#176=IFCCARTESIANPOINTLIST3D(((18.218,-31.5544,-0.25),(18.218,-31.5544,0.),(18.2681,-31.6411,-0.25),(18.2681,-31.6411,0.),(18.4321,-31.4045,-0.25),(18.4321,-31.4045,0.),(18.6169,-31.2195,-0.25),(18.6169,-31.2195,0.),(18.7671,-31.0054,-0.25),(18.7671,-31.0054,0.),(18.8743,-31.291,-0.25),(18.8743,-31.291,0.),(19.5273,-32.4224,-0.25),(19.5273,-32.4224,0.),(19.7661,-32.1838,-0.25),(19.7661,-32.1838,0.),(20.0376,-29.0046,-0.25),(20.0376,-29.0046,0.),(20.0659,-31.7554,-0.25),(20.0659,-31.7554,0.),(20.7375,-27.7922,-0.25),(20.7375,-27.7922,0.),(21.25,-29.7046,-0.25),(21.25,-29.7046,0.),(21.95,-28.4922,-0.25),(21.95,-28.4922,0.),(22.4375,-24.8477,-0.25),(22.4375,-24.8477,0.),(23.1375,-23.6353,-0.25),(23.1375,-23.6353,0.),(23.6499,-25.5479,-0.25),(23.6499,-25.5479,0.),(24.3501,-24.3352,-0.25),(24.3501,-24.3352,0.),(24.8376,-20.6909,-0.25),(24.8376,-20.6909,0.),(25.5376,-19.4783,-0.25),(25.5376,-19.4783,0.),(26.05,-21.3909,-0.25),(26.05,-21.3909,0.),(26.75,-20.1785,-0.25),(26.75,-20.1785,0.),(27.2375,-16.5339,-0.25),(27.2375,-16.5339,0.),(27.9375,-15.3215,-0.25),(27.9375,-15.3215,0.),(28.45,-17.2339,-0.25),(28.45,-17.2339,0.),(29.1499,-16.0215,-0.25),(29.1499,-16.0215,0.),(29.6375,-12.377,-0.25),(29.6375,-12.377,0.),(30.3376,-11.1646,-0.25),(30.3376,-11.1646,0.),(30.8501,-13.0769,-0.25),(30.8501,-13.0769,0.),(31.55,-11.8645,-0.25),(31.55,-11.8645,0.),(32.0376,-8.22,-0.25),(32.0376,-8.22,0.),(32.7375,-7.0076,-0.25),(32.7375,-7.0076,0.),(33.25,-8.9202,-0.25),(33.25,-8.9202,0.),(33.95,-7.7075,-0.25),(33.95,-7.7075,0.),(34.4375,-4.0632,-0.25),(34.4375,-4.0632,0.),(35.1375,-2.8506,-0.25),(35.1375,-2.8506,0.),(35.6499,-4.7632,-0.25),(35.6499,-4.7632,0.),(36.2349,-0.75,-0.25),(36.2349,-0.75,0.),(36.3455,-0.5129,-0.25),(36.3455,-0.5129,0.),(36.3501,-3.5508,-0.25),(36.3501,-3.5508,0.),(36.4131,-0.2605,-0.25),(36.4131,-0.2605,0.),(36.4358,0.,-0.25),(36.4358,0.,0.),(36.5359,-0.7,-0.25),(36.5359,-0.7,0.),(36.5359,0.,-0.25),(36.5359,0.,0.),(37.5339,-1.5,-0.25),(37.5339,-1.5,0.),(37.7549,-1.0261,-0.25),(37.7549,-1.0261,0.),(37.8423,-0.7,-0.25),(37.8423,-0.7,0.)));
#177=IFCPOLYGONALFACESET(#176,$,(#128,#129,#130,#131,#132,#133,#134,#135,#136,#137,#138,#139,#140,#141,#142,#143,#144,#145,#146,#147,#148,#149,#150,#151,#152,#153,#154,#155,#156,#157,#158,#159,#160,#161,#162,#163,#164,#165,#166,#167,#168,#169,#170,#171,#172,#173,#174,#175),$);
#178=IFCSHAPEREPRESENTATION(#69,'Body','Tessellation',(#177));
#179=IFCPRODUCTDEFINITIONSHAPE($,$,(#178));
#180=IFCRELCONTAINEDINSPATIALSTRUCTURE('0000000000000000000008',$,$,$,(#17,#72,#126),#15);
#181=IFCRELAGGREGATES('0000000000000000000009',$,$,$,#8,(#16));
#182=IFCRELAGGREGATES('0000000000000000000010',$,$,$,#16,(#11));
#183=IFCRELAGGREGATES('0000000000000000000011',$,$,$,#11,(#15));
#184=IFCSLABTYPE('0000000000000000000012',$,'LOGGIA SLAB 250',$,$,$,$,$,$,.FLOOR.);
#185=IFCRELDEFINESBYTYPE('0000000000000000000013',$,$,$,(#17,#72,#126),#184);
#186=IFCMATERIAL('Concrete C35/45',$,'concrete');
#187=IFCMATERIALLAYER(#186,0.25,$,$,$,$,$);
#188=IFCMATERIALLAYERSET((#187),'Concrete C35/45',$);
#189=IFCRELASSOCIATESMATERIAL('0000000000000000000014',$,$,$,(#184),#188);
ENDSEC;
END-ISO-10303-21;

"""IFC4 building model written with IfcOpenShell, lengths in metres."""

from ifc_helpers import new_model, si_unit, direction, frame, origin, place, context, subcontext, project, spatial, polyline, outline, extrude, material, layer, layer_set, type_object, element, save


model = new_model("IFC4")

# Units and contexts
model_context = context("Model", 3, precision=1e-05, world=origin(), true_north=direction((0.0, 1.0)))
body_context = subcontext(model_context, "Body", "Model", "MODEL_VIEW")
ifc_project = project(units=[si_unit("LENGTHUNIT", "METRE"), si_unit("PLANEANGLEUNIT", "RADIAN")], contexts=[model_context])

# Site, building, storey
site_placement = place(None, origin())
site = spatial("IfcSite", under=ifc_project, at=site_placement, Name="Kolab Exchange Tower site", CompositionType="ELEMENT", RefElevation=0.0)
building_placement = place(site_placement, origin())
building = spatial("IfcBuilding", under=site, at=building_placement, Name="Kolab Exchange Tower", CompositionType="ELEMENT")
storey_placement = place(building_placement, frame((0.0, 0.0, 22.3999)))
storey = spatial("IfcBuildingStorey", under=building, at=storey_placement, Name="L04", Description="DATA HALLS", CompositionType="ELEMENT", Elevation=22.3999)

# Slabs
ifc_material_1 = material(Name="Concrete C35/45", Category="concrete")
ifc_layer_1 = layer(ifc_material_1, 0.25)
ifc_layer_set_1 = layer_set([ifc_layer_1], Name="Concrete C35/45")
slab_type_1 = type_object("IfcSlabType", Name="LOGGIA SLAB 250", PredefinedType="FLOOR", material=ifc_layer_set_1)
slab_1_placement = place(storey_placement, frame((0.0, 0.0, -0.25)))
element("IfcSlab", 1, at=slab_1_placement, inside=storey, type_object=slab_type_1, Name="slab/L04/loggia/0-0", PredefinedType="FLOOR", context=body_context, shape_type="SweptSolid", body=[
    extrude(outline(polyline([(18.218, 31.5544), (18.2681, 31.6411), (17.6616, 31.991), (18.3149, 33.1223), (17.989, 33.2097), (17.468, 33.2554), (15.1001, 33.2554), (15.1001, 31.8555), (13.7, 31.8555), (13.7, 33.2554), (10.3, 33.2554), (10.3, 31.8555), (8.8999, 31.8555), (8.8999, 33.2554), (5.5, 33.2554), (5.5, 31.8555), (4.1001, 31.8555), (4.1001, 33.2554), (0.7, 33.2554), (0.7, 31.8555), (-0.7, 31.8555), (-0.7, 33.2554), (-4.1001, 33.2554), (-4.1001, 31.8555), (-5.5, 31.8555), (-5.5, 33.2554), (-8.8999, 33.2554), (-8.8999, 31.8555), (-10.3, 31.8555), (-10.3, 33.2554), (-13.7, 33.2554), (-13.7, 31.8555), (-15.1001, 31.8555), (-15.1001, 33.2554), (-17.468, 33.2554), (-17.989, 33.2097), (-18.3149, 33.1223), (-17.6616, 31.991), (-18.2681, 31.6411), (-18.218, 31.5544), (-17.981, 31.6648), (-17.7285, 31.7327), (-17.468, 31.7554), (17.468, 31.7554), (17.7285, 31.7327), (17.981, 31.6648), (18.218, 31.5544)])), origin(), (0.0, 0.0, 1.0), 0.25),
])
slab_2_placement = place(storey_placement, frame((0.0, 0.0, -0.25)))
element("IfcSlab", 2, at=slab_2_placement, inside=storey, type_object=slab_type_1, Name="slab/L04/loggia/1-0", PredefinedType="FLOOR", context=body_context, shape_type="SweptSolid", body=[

□ □ □ □ □

Scan the data above and copy every line with "contexts" in it.

> **ANSWER SECTION**
# Units and contexts
ifc_project = project(units=[si_unit("LENGTHUNIT", "METRE"), si_unit("PLANEANGLEUNIT", "RADIAN")], contexts=[model_context])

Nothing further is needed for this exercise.